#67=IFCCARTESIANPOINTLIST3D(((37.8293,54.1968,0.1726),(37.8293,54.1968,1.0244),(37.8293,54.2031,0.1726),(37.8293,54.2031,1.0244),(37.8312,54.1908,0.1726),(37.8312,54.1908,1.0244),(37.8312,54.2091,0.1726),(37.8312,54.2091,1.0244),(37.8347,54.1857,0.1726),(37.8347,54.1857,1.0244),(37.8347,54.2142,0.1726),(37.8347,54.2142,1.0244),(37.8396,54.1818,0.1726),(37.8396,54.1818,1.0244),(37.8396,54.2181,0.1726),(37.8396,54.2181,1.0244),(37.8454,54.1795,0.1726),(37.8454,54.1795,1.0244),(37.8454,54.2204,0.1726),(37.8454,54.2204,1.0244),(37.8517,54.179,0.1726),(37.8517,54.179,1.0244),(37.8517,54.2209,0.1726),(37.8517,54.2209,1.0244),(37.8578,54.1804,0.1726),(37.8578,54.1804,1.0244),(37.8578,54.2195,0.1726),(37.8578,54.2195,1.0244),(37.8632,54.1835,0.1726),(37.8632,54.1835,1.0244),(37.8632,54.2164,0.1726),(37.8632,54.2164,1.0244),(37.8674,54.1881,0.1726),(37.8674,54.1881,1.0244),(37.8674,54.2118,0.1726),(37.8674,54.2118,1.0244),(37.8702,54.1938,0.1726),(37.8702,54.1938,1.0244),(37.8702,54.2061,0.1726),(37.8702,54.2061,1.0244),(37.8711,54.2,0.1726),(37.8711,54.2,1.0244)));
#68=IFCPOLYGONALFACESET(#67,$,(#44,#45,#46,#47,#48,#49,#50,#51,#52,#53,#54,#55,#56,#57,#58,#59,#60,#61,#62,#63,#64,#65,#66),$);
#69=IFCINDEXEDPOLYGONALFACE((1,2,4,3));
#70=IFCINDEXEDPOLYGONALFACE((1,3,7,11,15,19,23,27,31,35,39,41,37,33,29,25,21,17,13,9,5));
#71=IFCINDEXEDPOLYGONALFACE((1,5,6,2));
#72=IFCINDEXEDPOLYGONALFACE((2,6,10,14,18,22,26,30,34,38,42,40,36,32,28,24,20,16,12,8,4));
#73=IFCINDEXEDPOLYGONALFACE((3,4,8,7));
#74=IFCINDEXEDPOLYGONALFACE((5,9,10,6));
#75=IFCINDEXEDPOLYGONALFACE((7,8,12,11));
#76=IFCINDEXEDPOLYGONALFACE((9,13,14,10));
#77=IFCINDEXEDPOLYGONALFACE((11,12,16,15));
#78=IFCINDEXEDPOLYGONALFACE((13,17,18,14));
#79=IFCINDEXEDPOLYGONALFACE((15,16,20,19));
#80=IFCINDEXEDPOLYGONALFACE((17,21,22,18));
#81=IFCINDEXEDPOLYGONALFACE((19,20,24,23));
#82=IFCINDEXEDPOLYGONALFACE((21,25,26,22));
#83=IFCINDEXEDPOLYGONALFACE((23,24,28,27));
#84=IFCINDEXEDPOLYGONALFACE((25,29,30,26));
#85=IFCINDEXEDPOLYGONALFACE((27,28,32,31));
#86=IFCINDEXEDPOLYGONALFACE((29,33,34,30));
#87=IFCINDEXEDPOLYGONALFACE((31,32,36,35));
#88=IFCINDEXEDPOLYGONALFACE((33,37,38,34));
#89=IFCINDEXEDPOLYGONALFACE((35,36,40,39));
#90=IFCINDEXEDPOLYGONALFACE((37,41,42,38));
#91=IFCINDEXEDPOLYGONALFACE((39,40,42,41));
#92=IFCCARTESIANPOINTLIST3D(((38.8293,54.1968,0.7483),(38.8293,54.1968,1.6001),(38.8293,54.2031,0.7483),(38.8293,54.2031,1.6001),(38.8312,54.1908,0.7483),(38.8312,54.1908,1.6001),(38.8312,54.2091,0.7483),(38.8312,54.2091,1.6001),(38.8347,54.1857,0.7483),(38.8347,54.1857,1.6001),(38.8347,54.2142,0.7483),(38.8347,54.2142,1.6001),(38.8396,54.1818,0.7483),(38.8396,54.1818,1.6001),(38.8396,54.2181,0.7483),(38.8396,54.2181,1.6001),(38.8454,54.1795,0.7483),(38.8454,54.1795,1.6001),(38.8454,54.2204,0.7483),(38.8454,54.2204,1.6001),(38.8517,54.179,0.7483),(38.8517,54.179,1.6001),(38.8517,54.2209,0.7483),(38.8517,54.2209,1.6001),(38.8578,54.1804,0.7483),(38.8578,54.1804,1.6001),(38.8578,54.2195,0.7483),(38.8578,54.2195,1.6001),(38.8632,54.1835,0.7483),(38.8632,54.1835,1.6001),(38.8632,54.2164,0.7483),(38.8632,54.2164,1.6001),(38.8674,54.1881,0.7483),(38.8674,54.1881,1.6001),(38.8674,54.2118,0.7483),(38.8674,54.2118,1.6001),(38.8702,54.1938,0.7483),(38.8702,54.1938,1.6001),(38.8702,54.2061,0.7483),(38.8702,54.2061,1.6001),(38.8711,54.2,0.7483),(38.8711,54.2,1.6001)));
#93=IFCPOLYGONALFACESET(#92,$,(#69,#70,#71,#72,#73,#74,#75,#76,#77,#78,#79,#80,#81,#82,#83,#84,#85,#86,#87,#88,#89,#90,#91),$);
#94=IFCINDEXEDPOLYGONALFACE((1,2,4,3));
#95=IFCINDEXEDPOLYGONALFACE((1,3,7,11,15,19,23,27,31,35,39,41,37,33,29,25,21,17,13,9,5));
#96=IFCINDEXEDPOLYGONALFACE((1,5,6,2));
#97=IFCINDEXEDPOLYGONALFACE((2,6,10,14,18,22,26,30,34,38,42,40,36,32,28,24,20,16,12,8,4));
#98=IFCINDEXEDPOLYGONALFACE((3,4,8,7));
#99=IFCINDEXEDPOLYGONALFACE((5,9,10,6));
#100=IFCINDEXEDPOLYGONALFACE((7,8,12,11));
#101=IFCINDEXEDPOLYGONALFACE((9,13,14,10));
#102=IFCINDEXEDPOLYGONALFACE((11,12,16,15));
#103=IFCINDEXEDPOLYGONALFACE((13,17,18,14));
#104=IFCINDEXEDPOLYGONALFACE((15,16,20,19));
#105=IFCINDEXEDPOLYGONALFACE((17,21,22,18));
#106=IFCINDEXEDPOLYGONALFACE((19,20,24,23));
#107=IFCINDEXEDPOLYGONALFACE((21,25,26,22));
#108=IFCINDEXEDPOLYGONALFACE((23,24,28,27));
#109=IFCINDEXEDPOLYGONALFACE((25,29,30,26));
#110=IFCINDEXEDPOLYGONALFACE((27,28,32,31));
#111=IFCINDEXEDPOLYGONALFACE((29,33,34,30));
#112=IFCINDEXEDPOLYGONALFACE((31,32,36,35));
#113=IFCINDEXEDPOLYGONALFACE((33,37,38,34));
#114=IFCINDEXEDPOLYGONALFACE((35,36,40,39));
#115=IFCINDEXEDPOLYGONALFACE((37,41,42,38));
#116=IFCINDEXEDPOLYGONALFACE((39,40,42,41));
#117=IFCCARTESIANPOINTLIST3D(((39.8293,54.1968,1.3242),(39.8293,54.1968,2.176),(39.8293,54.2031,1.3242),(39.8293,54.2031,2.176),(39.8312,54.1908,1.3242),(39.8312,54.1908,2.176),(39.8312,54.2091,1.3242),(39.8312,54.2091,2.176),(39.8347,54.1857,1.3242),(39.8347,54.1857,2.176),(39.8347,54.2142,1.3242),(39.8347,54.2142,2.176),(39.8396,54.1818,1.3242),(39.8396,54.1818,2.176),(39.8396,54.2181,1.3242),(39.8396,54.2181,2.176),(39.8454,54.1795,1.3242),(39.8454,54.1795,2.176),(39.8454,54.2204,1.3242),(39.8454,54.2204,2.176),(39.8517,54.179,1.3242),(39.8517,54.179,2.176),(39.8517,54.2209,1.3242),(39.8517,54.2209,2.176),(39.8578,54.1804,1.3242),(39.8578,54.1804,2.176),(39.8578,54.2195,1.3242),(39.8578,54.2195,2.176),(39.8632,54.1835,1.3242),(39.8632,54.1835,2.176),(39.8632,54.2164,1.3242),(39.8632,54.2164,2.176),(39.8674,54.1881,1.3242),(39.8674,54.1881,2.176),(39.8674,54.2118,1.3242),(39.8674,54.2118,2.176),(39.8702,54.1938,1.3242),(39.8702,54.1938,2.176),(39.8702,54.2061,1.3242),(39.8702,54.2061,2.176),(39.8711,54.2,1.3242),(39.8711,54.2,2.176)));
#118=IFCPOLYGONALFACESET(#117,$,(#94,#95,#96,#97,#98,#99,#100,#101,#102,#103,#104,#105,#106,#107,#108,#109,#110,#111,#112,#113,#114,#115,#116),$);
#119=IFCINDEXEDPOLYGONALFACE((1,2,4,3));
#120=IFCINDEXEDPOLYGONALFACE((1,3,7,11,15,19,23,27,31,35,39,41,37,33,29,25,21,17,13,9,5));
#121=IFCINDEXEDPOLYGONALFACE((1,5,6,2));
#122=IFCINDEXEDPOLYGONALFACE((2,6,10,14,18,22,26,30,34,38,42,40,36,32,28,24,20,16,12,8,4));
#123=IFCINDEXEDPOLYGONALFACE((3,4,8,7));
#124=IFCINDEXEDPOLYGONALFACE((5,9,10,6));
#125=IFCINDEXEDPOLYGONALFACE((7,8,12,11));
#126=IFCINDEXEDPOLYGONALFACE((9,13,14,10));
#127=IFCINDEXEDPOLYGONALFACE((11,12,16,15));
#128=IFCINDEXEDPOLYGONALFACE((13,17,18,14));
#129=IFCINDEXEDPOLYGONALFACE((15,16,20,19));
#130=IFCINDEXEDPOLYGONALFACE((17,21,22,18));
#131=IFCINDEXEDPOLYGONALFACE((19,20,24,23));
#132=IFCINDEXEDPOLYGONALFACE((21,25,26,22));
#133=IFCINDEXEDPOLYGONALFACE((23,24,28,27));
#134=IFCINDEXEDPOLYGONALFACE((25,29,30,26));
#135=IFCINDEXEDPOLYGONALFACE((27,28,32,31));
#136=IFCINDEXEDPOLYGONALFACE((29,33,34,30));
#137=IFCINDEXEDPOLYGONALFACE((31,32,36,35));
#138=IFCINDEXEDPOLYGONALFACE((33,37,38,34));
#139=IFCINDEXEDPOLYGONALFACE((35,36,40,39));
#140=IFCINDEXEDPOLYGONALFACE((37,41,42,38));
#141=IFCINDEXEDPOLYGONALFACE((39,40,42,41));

- TASK DIRECTIONS
Among the entries above, the lines between the ones containing "#106=IFCINDEXEDPOLYGONALFACE((19,20,24,23));" and "#116=IFCINDEXEDPOLYGONALFACE((39,40,42,41));", inclusive, are to be transcribed exactly. No other line is to be given.

- RESPONSE TO THIS TASK
#106=IFCINDEXEDPOLYGONALFACE((19,20,24,23));
#107=IFCINDEXEDPOLYGONALFACE((21,25,26,22));
#108=IFCINDEXEDPOLYGONALFACE((23,24,28,27));
#109=IFCINDEXEDPOLYGONALFACE((25,29,30,26));
#110=IFCINDEXEDPOLYGONALFACE((27,28,32,31));
#111=IFCINDEXEDPOLYGONALFACE((29,33,34,30));
#112=IFCINDEXEDPOLYGONALFACE((31,32,36,35));
#113=IFCINDEXEDPOLYGONALFACE((33,37,38,34));
#114=IFCINDEXEDPOLYGONALFACE((35,36,40,39));
#115=IFCINDEXEDPOLYGONALFACE((37,41,42,38));
#116=IFCINDEXEDPOLYGONALFACE((39,40,42,41));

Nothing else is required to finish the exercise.